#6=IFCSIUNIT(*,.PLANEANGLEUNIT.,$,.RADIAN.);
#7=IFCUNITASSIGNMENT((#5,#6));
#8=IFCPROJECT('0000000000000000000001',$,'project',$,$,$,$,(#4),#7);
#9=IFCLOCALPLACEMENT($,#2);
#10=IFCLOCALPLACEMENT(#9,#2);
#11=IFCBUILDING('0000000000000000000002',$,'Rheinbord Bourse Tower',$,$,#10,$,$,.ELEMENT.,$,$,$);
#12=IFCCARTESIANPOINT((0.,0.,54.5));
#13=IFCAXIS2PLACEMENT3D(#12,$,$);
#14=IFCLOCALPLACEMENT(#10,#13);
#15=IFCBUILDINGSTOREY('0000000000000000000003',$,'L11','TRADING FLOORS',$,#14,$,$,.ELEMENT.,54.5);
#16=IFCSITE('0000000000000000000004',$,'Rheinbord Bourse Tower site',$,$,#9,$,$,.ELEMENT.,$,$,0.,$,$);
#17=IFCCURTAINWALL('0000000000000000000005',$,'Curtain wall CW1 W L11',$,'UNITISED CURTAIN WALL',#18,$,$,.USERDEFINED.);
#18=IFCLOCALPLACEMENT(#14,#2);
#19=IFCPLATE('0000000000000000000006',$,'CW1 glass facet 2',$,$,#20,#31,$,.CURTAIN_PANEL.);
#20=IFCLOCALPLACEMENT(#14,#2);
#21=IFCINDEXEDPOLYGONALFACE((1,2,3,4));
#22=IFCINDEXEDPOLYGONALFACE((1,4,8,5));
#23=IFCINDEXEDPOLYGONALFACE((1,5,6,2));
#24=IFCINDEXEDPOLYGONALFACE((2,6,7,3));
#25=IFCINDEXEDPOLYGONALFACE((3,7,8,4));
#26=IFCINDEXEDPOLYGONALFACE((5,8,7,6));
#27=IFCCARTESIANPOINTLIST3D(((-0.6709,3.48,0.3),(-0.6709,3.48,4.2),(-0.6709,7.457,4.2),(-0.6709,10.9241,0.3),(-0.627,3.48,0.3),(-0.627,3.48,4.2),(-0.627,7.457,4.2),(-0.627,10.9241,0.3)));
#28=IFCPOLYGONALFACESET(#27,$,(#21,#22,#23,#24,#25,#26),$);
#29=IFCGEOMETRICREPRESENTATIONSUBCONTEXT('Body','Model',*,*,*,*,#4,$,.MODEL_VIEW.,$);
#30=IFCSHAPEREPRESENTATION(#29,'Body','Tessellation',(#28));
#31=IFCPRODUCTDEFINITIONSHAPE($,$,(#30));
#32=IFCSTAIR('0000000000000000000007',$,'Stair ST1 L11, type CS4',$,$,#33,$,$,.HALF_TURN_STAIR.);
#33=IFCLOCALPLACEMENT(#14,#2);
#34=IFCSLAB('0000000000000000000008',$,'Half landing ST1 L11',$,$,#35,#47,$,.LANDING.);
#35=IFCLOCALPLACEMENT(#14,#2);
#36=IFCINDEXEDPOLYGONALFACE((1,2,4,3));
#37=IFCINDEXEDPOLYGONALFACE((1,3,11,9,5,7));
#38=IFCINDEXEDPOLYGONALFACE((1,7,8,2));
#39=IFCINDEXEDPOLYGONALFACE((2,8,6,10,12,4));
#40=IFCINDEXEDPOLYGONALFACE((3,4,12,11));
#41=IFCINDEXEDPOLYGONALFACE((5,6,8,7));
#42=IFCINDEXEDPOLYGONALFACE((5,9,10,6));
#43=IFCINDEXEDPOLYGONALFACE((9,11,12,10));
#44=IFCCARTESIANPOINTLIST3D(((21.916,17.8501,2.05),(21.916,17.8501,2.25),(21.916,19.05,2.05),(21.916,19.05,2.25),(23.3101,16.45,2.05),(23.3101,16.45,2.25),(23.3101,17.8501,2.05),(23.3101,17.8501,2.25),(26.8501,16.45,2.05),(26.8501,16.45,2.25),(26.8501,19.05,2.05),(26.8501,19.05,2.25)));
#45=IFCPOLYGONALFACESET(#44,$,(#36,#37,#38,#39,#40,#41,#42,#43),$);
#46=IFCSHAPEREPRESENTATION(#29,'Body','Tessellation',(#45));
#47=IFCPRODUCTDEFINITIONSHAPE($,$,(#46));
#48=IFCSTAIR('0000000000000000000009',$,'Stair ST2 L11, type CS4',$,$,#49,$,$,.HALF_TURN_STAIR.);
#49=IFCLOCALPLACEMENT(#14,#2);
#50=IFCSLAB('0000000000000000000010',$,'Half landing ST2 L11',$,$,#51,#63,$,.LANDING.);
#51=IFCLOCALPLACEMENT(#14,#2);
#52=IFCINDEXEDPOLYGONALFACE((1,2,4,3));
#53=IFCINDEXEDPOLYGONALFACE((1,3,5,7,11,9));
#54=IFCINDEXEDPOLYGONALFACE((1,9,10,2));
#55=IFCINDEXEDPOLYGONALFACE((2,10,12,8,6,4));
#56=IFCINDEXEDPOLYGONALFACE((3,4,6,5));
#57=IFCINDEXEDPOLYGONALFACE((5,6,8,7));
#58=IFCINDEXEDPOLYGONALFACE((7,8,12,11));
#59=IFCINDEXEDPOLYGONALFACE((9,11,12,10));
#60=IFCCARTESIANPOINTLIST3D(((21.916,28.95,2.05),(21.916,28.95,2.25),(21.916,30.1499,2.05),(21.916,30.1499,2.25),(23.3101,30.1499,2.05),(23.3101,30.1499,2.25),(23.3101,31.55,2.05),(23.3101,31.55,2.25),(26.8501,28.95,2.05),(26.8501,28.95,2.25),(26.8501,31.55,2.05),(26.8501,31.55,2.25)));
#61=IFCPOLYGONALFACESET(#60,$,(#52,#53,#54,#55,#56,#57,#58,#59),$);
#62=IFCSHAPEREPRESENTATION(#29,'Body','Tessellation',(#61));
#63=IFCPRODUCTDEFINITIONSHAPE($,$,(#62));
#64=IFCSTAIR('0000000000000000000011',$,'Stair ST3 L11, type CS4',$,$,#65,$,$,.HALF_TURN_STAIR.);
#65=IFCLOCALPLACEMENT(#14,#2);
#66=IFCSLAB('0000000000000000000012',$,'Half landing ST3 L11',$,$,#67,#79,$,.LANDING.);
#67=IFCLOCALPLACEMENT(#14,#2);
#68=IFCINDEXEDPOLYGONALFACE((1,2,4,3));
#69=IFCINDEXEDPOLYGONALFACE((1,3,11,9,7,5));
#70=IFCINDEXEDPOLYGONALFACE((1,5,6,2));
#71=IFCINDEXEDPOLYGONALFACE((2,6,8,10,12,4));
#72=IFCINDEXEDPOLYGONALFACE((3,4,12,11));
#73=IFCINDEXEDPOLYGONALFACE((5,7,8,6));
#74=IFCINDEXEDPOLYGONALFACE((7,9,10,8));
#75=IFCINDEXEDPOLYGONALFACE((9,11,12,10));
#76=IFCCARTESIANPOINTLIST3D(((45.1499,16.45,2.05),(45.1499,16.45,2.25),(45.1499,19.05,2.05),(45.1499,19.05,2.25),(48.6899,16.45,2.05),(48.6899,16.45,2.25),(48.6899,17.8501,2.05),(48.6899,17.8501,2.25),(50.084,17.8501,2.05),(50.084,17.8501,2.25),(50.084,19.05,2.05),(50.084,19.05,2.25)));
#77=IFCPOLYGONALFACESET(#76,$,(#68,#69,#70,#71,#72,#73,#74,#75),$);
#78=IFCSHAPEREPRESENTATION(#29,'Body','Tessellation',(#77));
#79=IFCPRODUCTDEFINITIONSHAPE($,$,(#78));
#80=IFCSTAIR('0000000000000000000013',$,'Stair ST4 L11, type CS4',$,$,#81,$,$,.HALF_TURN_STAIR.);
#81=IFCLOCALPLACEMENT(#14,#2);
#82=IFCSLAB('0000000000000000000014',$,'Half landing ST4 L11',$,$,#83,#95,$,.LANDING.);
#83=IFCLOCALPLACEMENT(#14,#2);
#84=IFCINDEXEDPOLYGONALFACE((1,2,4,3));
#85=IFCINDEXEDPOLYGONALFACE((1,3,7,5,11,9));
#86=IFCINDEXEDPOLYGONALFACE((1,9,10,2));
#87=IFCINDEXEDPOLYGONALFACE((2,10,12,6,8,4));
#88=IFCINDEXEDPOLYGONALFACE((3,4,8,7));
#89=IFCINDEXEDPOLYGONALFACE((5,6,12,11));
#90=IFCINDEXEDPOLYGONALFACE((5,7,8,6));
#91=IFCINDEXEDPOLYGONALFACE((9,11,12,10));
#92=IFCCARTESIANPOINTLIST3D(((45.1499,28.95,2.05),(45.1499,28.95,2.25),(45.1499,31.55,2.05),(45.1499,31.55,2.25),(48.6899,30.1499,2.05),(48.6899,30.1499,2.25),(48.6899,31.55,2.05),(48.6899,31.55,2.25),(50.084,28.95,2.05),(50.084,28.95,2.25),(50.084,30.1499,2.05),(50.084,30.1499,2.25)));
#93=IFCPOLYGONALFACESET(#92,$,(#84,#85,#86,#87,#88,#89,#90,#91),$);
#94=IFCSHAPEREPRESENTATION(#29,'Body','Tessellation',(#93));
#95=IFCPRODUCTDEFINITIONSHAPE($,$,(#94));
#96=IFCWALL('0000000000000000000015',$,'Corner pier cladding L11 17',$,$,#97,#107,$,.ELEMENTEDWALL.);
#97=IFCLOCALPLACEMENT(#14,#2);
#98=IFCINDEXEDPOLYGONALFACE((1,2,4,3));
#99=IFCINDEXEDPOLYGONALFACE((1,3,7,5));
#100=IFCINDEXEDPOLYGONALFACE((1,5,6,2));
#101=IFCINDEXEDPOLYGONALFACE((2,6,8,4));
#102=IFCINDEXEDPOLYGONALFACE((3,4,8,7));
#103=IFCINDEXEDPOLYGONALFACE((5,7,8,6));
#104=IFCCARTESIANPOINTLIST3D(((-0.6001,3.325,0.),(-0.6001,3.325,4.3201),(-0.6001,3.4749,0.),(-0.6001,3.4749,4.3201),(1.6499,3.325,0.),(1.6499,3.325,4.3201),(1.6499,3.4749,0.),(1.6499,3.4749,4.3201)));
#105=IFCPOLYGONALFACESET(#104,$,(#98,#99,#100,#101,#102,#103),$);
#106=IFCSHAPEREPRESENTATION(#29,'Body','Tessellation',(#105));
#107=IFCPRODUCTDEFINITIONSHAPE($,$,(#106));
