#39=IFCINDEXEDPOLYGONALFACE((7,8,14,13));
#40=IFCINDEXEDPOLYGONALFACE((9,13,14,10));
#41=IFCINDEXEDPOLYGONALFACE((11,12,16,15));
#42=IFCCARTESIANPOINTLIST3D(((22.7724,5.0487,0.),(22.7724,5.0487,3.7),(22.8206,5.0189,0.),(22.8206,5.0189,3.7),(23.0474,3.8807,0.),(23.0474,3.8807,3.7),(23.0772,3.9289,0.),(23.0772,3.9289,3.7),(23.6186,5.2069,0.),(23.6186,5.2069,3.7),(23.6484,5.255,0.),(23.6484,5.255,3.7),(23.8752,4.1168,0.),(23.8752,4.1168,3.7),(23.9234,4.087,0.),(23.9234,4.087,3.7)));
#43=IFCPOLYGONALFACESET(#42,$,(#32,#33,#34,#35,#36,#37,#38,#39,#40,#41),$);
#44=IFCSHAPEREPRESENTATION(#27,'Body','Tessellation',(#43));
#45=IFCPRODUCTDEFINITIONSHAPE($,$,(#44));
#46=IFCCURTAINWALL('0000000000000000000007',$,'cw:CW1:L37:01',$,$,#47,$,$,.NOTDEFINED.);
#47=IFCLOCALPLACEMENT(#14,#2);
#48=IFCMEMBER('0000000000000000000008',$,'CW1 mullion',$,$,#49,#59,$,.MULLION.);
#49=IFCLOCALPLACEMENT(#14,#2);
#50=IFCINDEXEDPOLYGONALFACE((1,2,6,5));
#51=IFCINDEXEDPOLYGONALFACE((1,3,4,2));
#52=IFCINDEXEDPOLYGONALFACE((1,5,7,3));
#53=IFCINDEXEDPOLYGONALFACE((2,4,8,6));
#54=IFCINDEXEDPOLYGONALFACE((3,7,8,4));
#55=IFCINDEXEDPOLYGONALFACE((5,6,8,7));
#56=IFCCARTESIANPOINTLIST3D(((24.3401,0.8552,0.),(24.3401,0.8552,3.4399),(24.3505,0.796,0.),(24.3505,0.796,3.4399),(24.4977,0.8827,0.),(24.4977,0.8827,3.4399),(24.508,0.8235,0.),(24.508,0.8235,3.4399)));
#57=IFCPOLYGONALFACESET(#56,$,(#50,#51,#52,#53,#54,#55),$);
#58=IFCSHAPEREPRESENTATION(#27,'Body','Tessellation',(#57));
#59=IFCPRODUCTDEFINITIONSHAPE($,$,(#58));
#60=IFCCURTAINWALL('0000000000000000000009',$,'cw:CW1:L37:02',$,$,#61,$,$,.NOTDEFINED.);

* * * *

PROBLEM DESCRIPTION → Everything from the line with "#10=IFCLOCALPLACEMENT(#9,#2);" through the line with "#18=IFCLOCALPLACEMENT(#14,#2);" should be written out exactly as it appears above, end lines included, and nothing outside that range.

PROBLEM SOLUTION →
#10=IFCLOCALPLACEMENT(#9,#2);
#11=IFCBUILDING('0000000000000000000002',$,'Rheinbord Bourse Tower',$,$,#10,$,$,.ELEMENT.,$,$,$);
#12=IFCCARTESIANPOINT((0.,0.,54.5));
#13=IFCAXIS2PLACEMENT3D(#12,$,$);
#14=IFCLOCALPLACEMENT(#10,#13);
#15=IFCBUILDINGSTOREY('0000000000000000000003',$,'L11','TRADING FLOORS',$,#14,$,$,.ELEMENT.,54.5);
#16=IFCSITE('0000000000000000000004',$,'Rheinbord Bourse Tower site',$,$,#9,$,$,.ELEMENT.,$,$,0.,$,$);
#17=IFCCURTAINWALL('0000000000000000000005',$,'Curtain wall CW1 W L11',$,'UNITISED CURTAIN WALL',#18,$,$,.USERDEFINED.);
#18=IFCLOCALPLACEMENT(#14,#2);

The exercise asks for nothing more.